Work to complete>
Lines that contain "Partition" are to be copied from the material, every one of them.

+-------+

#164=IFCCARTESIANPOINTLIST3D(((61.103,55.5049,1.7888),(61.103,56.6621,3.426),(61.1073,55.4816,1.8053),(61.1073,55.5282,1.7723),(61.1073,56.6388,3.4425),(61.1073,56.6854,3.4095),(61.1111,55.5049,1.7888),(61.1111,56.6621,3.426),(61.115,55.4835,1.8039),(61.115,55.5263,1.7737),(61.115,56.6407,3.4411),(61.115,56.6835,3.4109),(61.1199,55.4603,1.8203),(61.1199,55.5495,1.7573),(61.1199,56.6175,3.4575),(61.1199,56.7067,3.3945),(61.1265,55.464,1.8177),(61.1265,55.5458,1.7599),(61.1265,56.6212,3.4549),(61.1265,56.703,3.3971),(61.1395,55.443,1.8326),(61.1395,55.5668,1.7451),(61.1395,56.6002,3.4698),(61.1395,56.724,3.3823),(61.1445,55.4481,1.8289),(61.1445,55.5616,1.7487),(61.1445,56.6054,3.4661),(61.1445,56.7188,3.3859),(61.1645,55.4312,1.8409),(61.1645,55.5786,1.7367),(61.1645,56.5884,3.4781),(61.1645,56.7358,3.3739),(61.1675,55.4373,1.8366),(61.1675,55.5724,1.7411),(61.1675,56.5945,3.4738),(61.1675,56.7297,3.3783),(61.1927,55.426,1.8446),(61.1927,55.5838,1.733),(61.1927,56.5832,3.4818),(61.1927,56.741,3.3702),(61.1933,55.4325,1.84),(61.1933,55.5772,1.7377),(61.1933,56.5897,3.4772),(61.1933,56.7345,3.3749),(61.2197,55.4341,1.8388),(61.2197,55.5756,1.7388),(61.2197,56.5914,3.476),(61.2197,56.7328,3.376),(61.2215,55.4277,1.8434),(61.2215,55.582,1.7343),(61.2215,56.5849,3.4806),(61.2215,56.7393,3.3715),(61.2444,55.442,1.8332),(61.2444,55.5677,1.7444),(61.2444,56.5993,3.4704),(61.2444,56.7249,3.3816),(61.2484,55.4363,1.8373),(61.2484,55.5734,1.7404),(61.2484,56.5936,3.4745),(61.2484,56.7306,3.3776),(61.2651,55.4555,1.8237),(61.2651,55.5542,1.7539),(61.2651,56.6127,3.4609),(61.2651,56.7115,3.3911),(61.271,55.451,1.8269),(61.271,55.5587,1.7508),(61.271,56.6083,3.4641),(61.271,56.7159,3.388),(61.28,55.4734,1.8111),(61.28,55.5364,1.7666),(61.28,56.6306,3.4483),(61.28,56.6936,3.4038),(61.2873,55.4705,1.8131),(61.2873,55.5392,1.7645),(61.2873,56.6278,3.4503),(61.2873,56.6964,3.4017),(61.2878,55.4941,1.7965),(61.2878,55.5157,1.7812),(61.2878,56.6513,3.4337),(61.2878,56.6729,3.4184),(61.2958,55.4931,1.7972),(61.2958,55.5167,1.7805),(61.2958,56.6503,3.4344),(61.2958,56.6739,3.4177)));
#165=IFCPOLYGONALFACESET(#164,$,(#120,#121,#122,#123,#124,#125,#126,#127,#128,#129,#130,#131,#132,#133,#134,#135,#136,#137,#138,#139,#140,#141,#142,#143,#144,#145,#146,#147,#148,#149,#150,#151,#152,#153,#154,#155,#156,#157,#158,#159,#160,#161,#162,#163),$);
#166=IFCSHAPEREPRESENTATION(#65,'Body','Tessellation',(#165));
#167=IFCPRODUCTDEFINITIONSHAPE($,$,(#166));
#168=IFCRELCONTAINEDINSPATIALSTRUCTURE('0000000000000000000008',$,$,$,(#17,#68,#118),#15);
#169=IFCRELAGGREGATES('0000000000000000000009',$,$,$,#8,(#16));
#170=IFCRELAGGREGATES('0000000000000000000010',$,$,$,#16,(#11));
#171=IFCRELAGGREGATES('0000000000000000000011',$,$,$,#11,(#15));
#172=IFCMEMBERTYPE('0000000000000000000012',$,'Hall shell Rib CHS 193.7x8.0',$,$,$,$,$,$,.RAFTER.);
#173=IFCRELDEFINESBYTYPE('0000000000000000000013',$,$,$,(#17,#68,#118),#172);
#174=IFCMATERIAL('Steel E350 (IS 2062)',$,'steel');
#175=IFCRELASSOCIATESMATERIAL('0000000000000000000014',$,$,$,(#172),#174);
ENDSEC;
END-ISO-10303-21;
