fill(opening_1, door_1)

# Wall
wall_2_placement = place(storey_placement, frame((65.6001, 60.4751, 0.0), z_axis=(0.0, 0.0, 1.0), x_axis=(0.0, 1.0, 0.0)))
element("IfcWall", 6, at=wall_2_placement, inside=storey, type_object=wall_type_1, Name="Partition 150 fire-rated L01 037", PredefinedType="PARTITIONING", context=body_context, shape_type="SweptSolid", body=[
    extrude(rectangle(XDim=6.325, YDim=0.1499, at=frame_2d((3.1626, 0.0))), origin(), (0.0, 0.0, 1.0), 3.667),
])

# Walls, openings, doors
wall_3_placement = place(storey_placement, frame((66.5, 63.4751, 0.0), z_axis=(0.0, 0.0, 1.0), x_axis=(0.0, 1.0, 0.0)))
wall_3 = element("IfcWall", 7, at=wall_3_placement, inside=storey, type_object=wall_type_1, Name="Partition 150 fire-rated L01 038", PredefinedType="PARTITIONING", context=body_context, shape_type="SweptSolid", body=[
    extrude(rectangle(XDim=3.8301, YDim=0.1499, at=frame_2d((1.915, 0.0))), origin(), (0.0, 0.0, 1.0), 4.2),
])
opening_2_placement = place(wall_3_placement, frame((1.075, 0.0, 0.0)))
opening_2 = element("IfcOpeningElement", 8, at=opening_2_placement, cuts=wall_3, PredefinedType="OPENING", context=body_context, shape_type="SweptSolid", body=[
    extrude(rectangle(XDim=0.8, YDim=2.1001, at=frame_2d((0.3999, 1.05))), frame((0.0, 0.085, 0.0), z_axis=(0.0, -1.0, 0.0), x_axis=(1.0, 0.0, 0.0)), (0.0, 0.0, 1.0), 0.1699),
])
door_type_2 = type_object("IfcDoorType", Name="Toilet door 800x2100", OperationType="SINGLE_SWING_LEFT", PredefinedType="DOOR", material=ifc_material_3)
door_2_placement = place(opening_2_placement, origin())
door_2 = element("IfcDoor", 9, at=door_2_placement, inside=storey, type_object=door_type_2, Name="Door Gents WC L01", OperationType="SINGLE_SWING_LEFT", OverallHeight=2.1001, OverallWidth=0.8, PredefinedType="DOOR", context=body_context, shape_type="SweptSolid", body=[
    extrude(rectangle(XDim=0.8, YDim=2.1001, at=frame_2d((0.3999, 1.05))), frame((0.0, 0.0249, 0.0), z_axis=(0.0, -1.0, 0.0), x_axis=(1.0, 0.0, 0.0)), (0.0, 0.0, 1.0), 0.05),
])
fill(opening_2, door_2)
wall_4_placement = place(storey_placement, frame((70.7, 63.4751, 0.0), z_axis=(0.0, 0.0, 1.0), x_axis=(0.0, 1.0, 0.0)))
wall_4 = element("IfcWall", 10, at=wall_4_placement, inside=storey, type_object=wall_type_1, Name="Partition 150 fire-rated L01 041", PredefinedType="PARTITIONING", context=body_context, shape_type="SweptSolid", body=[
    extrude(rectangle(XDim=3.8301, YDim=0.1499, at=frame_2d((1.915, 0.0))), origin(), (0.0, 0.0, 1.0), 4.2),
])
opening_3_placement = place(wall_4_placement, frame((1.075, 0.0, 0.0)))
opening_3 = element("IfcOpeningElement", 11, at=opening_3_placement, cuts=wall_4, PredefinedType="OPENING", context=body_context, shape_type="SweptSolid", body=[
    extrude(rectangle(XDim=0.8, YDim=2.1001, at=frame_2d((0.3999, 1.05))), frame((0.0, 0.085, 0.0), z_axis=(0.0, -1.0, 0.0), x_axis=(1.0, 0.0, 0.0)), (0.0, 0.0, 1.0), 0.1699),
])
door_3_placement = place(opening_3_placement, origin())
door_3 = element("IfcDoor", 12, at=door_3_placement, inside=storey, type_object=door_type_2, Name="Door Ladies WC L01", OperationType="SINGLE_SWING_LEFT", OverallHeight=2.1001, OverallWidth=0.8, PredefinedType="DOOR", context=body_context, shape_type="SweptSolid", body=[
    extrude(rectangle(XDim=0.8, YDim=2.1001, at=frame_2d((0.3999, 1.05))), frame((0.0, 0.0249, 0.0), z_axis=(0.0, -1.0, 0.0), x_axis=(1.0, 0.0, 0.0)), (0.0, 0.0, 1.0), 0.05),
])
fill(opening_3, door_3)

+-------+

Exercise solution>
element("IfcWall", 6, at=wall_2_placement, inside=storey, type_object=wall_type_1, Name="Partition 150 fire-rated L01 037", PredefinedType="PARTITIONING", context=body_context, shape_type="SweptSolid", body=[
wall_3 = element("IfcWall", 7, at=wall_3_placement, inside=storey, type_object=wall_type_1, Name="Partition 150 fire-rated L01 038", PredefinedType="PARTITIONING", context=body_context, shape_type="SweptSolid", body=[
wall_4 = element("IfcWall", 10, at=wall_4_placement, inside=storey, type_object=wall_type_1, Name="Partition 150 fire-rated L01 041", PredefinedType="PARTITIONING", context=body_context, shape_type="SweptSolid", body=[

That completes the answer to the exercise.